Task instructions:
Could you set down exactly the lines of the data below, starting at the one that holds "#71=IFCINDEXEDPOLYGONALFACE((1,5,6,2));" and ending at the one that holds "#113=IFCINDEXEDPOLYGONALFACE((5,7,8,6));", both included, and only those?

----- Dataset records -----

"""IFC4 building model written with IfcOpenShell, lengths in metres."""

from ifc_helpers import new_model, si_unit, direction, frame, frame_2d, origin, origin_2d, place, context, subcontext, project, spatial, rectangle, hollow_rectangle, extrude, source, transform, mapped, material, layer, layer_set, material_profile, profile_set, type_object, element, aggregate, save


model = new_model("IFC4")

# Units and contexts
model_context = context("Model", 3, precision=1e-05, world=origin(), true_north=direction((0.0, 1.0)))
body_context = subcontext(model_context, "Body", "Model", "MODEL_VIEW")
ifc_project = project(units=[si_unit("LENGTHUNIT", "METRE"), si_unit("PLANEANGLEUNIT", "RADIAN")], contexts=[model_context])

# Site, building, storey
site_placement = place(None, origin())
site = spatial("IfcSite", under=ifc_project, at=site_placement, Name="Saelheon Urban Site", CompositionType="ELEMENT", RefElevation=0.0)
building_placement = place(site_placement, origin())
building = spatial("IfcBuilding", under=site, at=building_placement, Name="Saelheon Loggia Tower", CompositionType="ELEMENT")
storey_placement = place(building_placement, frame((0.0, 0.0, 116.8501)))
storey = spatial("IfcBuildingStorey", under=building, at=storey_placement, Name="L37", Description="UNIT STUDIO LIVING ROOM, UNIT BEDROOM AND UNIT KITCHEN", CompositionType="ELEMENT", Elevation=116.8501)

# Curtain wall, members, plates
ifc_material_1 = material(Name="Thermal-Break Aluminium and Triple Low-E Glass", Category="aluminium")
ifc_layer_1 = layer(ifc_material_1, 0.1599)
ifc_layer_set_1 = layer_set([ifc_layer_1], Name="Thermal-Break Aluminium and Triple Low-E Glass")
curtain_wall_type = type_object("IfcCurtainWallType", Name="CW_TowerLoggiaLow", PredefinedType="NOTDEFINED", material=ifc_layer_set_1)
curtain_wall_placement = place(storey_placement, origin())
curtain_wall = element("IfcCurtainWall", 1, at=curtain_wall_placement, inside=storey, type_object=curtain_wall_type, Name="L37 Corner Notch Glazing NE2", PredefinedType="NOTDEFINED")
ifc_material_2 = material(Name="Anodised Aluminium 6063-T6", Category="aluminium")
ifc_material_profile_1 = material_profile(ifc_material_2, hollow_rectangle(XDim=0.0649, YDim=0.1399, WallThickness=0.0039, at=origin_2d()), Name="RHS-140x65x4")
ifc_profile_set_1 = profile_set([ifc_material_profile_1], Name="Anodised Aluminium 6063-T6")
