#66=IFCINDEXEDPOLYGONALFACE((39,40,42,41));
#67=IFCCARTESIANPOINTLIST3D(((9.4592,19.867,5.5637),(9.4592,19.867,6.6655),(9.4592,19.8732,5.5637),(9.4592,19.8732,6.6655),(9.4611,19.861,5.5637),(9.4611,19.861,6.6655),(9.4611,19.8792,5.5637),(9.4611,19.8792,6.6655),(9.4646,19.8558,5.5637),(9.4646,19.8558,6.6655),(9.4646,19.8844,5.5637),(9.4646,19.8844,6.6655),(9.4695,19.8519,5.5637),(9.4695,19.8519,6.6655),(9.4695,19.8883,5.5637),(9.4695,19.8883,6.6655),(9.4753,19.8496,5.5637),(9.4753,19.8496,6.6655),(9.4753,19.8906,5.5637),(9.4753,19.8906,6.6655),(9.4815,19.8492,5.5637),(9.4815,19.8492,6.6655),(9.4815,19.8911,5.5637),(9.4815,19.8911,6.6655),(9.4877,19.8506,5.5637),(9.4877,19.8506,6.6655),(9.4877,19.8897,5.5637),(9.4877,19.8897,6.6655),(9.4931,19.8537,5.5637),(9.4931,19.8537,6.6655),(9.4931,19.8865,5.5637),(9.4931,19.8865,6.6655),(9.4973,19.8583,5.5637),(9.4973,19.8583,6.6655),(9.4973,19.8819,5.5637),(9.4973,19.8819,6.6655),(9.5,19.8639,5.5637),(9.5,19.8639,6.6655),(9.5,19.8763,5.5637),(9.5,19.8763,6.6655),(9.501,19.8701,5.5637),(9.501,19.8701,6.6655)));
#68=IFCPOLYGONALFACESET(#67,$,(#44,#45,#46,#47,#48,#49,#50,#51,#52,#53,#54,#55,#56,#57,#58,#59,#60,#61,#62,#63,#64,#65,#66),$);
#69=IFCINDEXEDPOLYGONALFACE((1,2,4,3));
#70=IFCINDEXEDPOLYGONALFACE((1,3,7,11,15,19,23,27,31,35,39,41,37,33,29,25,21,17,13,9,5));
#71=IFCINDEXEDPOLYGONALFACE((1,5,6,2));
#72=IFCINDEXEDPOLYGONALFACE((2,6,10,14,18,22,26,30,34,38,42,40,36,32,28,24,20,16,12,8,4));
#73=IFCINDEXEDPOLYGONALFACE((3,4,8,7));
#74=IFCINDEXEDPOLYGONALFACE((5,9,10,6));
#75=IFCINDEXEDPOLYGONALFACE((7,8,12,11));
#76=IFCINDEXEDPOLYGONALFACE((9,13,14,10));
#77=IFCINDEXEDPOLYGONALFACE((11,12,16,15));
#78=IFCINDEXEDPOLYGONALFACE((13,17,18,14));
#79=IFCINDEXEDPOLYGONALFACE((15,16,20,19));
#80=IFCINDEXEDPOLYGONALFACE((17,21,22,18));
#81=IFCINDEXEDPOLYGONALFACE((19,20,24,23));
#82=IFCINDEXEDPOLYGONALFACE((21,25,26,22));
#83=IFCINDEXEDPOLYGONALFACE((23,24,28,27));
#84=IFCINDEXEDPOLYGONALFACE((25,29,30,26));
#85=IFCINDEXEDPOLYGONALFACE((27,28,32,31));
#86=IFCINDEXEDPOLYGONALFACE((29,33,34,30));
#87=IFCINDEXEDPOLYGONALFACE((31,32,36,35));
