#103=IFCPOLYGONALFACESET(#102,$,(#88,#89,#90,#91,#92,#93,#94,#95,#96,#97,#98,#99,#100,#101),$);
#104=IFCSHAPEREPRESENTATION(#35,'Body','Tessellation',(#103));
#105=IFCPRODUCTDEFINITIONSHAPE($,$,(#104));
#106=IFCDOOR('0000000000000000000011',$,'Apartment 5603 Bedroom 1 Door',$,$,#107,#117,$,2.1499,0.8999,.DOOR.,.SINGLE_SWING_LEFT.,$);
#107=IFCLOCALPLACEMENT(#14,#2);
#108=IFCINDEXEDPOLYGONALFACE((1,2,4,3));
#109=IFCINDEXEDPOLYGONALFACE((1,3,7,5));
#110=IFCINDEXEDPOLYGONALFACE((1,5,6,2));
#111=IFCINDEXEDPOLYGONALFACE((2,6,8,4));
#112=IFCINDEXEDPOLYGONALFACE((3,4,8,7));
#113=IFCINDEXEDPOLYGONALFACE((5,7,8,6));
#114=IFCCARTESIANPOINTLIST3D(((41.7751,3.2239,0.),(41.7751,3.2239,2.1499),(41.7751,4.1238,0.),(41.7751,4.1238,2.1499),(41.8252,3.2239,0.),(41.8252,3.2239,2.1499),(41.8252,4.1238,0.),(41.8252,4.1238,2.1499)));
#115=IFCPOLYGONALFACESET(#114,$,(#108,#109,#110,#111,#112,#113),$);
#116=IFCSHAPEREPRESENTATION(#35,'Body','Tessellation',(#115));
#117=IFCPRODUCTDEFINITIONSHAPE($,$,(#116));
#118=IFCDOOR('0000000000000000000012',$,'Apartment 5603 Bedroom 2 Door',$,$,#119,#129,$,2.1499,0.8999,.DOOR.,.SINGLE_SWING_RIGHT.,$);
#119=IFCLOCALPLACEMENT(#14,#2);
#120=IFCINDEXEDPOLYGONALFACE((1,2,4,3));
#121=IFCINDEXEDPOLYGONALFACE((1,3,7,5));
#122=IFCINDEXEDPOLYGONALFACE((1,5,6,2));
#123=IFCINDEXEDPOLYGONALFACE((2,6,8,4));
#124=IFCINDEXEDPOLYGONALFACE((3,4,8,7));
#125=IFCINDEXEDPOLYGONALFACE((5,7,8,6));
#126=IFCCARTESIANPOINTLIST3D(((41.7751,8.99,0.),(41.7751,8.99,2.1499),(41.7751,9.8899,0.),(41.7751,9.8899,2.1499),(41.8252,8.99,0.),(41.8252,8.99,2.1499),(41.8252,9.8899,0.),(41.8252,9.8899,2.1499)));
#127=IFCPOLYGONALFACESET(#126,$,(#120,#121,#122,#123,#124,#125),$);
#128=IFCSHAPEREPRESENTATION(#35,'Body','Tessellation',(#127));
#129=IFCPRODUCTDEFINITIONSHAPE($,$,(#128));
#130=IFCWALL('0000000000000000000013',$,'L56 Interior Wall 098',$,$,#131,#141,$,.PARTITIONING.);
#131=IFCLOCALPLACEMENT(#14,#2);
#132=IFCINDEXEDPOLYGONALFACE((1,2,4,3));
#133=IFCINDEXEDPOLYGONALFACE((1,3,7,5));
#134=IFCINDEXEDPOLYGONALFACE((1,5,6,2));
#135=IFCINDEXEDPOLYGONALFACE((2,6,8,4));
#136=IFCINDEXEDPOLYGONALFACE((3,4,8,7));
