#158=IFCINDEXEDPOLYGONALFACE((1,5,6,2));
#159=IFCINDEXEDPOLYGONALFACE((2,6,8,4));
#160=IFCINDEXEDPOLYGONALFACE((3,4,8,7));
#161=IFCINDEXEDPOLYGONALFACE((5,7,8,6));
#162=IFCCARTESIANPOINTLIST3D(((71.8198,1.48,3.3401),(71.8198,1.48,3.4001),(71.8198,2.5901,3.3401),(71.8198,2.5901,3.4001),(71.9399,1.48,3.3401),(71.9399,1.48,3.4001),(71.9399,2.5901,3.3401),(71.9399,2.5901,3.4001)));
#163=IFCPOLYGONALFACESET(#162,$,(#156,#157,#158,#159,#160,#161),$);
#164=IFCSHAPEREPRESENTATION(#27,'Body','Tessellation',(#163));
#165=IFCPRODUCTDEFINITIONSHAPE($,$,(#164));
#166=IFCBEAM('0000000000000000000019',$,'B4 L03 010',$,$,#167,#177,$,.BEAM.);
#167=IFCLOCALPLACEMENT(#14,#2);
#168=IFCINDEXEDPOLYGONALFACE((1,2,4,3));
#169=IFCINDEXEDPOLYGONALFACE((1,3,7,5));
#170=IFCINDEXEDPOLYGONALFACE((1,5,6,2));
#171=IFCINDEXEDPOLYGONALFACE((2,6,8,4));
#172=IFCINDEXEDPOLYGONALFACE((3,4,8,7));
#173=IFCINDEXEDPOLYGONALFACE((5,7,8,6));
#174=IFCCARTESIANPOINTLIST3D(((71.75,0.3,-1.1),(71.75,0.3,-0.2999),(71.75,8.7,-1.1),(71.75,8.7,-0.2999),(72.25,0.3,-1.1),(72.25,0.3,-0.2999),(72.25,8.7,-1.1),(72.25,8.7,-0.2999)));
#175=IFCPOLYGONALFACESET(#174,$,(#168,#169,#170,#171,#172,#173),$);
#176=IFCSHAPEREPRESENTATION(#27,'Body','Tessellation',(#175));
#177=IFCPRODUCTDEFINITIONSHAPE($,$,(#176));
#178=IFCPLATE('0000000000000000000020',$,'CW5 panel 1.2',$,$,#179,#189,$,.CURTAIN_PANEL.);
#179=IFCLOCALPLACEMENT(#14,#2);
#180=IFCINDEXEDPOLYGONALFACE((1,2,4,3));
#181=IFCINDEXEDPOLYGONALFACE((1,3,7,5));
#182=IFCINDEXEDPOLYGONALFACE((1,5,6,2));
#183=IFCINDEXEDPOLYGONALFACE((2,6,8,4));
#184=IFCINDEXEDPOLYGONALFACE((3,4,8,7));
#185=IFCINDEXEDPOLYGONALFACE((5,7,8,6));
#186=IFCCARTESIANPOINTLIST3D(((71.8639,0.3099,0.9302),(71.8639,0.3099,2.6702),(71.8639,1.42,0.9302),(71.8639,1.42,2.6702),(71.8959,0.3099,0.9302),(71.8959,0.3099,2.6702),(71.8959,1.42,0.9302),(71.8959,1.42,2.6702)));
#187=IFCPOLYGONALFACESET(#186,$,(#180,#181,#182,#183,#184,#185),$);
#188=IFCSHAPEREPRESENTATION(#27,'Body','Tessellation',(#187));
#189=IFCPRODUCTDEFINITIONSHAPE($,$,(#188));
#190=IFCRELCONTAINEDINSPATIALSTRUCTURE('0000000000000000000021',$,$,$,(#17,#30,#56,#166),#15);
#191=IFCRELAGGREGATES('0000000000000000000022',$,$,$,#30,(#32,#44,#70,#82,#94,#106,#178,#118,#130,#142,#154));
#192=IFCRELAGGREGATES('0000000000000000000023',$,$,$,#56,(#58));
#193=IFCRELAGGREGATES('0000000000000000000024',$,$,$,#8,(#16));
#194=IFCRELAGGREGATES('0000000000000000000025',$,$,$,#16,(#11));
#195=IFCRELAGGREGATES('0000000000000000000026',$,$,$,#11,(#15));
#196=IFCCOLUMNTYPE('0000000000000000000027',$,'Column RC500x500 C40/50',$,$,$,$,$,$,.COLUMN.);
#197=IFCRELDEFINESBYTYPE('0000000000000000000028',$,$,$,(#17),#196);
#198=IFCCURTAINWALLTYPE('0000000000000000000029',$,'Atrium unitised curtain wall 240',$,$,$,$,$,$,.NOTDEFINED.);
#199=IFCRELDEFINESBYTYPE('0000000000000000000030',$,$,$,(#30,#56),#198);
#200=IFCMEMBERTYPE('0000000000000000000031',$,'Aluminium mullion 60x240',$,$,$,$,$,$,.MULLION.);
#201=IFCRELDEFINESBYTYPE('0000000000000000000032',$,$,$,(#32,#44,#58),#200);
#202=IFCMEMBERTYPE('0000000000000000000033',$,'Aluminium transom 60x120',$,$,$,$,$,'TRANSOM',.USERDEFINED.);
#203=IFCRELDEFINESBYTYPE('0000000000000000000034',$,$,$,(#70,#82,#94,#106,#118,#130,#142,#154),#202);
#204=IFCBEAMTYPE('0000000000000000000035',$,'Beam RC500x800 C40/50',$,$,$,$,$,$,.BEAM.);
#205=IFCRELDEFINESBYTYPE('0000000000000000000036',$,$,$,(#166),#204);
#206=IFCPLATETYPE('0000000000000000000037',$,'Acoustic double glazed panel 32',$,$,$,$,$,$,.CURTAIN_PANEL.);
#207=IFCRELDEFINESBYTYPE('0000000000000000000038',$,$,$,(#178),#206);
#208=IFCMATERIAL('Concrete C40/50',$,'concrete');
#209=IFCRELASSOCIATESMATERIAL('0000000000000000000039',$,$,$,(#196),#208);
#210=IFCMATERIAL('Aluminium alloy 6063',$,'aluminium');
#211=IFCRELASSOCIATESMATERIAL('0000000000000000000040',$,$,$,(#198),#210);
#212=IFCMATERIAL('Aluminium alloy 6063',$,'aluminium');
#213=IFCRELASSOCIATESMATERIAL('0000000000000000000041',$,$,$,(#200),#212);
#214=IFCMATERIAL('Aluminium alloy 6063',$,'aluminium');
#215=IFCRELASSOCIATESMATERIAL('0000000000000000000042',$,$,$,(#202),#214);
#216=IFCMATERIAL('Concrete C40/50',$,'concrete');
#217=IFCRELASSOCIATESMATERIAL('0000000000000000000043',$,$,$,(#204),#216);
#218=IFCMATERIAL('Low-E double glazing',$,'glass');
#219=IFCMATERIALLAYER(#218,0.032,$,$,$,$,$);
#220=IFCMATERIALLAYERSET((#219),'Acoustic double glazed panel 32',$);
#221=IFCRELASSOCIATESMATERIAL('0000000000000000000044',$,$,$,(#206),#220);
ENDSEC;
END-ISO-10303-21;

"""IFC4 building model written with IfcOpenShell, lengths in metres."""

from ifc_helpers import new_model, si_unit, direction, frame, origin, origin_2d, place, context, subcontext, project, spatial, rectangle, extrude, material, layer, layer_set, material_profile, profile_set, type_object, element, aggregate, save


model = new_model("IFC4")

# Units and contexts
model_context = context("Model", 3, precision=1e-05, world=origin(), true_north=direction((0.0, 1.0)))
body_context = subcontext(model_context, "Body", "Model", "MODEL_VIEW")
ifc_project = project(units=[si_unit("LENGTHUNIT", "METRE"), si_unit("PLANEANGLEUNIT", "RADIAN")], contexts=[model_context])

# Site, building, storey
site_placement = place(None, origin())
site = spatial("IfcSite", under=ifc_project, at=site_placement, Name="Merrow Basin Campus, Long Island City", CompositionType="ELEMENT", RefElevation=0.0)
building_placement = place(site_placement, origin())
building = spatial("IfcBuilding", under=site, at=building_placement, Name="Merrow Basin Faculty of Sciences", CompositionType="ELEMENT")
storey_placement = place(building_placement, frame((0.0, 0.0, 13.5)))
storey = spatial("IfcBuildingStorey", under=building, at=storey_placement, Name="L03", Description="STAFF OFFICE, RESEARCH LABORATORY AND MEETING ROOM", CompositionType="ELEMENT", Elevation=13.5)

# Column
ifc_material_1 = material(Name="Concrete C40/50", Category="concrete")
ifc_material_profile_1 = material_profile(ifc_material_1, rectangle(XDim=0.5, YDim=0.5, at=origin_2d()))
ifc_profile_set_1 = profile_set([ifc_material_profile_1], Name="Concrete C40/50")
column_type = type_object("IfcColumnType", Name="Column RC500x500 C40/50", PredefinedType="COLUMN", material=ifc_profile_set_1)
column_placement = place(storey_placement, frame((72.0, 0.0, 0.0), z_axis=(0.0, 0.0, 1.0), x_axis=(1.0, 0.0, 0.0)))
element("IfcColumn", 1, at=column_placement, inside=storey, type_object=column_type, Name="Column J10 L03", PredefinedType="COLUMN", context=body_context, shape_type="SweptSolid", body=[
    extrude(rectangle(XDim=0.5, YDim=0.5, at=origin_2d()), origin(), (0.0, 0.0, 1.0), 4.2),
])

-----

Answer for this exercise:
#71=IFCINDEXEDPOLYGONALFACE((1,5,6,2));
#72=IFCINDEXEDPOLYGONALFACE((2,6,10,14,18,22,26,30,34,38,42,40,36,32,28,24,20,16,12,8,4));
#73=IFCINDEXEDPOLYGONALFACE((3,4,8,7));
#74=IFCINDEXEDPOLYGONALFACE((5,9,10,6));
#75=IFCINDEXEDPOLYGONALFACE((7,8,12,11));
#76=IFCINDEXEDPOLYGONALFACE((9,13,14,10));
#77=IFCINDEXEDPOLYGONALFACE((11,12,16,15));
#78=IFCINDEXEDPOLYGONALFACE((13,17,18,14));
#79=IFCINDEXEDPOLYGONALFACE((15,16,20,19));
#80=IFCINDEXEDPOLYGONALFACE((17,21,22,18));
#81=IFCINDEXEDPOLYGONALFACE((19,20,24,23));
#82=IFCINDEXEDPOLYGONALFACE((21,25,26,22));
#83=IFCINDEXEDPOLYGONALFACE((23,24,28,27));
#84=IFCINDEXEDPOLYGONALFACE((25,29,30,26));
#85=IFCINDEXEDPOLYGONALFACE((27,28,32,31));
#86=IFCINDEXEDPOLYGONALFACE((29,33,34,30));
#87=IFCINDEXEDPOLYGONALFACE((31,32,36,35));
#103=IFCPOLYGONALFACESET(#102,$,(#88,#89,#90,#91,#92,#93,#94,#95,#96,#97,#98,#99,#100,#101),$);
#104=IFCSHAPEREPRESENTATION(#35,'Body','Tessellation',(#103));
#105=IFCPRODUCTDEFINITIONSHAPE($,$,(#104));
#106=IFCDOOR('0000000000000000000011',$,'Apartment 5603 Bedroom 1 Door',$,$,#107,#117,$,2.1499,0.8999,.DOOR.,.SINGLE_SWING_LEFT.,$);
#107=IFCLOCALPLACEMENT(#14,#2);
#108=IFCINDEXEDPOLYGONALFACE((1,2,4,3));
#109=IFCINDEXEDPOLYGONALFACE((1,3,7,5));
#110=IFCINDEXEDPOLYGONALFACE((1,5,6,2));
#111=IFCINDEXEDPOLYGONALFACE((2,6,8,4));
#112=IFCINDEXEDPOLYGONALFACE((3,4,8,7));
#113=IFCINDEXEDPOLYGONALFACE((5,7,8,6));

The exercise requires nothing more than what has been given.